Data —
——————
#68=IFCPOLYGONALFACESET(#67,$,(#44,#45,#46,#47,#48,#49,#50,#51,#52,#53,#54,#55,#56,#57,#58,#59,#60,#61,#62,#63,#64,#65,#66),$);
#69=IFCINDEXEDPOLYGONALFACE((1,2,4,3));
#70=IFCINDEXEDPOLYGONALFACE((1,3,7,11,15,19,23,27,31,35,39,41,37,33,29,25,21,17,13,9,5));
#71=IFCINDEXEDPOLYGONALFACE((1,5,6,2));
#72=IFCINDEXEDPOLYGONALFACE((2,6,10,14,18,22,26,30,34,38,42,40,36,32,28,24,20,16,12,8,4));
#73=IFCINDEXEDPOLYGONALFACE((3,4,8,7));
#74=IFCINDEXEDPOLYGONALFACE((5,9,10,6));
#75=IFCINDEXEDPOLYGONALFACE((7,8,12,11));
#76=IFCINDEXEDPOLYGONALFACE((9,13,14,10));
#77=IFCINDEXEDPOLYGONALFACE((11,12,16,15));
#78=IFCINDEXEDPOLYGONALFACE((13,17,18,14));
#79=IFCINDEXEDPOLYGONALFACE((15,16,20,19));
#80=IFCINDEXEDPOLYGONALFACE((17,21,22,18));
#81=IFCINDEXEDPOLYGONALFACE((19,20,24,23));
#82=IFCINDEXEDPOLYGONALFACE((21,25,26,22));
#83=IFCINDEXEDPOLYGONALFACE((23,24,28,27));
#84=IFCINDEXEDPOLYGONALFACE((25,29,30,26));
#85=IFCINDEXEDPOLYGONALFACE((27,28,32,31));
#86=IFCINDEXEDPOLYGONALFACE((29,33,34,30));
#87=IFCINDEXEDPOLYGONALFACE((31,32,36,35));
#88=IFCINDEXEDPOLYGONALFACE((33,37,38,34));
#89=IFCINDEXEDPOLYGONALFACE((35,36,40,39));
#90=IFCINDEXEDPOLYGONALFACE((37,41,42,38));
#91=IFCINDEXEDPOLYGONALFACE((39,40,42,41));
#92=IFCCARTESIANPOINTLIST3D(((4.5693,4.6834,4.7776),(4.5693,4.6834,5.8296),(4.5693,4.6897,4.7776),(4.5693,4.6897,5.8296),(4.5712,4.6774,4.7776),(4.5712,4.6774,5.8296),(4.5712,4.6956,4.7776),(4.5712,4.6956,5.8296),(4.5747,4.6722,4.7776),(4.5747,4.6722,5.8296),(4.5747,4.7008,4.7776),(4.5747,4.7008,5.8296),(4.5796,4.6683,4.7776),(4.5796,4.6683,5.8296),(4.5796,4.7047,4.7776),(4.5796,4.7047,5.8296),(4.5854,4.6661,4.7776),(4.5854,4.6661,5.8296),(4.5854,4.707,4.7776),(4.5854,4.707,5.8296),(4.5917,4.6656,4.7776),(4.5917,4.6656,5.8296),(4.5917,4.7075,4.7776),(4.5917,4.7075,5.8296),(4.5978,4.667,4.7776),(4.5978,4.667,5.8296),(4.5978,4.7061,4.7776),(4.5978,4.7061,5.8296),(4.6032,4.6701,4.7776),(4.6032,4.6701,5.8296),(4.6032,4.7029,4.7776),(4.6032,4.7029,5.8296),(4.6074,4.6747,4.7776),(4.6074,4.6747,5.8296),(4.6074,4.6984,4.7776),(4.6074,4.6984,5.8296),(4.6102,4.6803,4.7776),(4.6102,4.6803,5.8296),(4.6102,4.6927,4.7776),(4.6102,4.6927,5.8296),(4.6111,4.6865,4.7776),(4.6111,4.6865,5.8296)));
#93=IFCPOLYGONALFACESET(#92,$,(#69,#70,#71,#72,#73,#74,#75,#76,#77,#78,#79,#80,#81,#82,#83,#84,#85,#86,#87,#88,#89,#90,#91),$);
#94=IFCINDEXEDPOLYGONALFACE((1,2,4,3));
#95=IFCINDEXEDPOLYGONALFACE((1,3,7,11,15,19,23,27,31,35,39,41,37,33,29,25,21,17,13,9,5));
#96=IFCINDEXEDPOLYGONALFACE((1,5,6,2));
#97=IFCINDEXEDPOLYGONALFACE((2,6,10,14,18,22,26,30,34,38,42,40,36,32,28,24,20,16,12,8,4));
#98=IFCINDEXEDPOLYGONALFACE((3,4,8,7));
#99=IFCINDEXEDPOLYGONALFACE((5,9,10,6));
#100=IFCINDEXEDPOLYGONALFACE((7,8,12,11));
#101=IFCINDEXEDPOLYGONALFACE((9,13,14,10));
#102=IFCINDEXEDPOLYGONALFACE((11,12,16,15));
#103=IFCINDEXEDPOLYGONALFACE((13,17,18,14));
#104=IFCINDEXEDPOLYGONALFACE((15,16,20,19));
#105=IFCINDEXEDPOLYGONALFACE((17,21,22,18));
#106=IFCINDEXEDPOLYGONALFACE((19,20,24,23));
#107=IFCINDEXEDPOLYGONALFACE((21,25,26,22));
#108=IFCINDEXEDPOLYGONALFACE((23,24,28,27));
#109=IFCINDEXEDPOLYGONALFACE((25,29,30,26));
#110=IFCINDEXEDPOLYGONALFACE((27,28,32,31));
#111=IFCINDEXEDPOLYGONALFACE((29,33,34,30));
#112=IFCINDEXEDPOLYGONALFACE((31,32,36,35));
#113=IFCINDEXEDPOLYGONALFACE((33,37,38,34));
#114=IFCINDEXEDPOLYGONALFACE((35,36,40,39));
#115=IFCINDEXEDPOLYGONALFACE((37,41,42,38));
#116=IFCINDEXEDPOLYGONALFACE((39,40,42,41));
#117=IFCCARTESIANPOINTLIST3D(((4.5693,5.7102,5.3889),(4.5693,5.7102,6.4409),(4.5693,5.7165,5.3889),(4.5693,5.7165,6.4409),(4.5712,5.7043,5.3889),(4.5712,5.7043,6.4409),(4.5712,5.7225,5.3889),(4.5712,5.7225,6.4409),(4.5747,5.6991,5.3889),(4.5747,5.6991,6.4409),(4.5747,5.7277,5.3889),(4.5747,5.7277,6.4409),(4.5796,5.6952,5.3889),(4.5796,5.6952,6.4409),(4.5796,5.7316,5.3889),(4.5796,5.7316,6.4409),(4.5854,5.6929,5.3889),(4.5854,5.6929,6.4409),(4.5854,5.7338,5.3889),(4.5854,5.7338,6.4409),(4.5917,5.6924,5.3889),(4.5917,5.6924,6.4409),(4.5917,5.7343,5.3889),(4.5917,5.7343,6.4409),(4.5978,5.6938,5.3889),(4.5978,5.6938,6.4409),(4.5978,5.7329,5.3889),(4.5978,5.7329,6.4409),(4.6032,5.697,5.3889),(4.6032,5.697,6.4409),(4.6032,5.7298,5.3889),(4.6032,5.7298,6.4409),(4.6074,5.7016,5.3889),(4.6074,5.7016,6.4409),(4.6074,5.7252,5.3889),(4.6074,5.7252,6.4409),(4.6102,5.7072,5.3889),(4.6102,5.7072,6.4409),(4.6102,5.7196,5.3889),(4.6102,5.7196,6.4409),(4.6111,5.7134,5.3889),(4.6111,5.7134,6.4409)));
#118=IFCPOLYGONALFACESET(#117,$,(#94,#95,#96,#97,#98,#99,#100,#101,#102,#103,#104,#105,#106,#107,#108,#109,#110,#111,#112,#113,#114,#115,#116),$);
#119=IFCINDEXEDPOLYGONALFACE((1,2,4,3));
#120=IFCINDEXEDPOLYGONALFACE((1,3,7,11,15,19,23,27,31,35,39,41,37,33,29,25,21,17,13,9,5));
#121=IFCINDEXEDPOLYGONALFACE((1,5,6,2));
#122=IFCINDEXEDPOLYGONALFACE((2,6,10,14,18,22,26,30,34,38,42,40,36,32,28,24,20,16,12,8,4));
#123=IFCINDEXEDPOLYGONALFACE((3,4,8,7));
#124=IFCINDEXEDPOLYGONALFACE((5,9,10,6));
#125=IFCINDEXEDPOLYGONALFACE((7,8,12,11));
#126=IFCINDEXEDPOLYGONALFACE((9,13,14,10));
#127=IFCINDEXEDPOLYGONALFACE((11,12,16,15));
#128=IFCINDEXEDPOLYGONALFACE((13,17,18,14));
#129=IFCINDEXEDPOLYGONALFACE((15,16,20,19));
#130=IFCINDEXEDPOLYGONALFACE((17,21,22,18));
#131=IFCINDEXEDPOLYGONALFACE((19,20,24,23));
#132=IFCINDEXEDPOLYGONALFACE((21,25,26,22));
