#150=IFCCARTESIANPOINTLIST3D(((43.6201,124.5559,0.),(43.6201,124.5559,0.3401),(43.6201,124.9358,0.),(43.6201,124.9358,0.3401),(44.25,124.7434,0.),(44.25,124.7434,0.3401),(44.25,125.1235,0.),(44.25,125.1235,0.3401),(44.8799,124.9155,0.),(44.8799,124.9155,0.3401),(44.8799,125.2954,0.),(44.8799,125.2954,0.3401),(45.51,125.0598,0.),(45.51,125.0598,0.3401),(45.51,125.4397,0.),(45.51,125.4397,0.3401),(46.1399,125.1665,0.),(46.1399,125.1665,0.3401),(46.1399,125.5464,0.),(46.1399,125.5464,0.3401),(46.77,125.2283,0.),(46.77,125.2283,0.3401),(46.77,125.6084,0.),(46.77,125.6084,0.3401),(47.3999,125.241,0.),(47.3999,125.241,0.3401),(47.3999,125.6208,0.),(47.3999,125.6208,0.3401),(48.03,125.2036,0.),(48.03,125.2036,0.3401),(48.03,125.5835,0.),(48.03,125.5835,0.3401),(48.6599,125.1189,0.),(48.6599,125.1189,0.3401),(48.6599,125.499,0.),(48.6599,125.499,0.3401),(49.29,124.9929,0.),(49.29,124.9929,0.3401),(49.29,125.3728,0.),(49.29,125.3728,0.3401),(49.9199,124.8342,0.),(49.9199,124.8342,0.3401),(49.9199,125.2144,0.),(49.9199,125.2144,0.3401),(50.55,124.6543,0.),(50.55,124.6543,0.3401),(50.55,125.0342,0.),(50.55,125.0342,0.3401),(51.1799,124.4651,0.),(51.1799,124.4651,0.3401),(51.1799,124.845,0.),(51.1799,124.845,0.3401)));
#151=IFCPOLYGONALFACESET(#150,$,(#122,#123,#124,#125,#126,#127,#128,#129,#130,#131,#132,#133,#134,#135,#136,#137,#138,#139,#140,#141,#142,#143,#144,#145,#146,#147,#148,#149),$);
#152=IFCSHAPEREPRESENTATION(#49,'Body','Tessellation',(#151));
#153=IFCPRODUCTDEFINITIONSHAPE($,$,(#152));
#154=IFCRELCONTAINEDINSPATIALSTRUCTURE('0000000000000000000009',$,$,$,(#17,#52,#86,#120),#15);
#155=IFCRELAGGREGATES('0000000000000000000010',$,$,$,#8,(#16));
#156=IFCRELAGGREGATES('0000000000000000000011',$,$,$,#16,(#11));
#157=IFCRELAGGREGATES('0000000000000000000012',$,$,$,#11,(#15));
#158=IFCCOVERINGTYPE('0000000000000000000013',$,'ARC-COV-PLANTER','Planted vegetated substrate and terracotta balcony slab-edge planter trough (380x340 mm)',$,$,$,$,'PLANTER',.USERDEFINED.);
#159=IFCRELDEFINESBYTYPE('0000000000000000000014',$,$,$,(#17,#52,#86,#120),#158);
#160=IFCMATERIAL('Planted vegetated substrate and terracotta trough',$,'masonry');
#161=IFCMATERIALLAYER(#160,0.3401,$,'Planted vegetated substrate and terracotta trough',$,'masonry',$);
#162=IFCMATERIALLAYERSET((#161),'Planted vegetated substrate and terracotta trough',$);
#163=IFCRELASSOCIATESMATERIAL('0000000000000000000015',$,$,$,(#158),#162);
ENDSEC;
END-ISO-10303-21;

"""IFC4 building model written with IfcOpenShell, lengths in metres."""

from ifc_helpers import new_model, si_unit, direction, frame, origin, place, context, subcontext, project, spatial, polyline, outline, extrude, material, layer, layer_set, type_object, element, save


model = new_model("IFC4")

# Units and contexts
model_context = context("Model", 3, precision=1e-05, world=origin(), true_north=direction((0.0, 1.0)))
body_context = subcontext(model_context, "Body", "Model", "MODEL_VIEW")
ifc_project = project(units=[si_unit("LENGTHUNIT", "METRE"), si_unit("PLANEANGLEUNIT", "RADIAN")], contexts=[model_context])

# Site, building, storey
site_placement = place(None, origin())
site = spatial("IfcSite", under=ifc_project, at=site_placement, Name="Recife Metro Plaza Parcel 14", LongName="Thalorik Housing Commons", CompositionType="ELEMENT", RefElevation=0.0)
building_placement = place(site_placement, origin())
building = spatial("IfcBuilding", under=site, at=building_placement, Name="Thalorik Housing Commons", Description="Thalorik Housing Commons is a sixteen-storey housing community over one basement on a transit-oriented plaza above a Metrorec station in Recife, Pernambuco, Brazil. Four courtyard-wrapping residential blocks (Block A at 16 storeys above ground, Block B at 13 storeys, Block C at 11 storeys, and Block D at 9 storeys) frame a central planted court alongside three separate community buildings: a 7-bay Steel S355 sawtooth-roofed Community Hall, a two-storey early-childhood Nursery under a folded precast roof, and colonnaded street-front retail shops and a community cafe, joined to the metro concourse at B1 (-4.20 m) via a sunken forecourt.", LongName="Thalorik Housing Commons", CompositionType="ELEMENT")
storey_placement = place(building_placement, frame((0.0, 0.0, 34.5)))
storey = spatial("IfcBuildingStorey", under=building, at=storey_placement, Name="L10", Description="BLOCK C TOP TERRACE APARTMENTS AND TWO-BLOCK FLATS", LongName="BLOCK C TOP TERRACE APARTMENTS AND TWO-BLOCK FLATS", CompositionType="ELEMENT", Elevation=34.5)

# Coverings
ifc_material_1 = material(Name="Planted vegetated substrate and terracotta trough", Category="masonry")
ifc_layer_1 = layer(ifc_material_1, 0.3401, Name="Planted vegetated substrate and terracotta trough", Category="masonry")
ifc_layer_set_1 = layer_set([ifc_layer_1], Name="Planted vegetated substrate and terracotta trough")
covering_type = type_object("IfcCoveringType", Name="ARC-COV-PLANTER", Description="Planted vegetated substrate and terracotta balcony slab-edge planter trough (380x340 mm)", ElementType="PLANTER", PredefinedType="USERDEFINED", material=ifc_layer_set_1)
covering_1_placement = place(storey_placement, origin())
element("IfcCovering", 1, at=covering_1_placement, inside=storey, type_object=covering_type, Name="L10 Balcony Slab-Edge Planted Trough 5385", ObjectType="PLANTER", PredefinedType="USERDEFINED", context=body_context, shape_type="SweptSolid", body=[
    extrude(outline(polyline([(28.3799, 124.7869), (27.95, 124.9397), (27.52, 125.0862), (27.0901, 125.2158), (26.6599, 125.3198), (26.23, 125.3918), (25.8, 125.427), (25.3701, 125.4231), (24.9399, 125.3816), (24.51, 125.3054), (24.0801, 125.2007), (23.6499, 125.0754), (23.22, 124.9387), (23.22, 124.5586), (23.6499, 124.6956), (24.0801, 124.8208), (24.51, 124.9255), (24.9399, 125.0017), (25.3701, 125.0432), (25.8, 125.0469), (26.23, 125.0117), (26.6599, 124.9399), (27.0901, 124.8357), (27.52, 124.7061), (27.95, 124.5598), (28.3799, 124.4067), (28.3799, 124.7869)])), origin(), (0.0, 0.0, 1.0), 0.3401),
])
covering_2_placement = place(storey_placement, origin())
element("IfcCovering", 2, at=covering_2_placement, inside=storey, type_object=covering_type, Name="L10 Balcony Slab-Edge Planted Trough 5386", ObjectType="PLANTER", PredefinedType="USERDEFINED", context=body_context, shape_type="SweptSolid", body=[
——————
Check each line of the data above for the word "direction", then state how many lines have it. Give the number alone.

2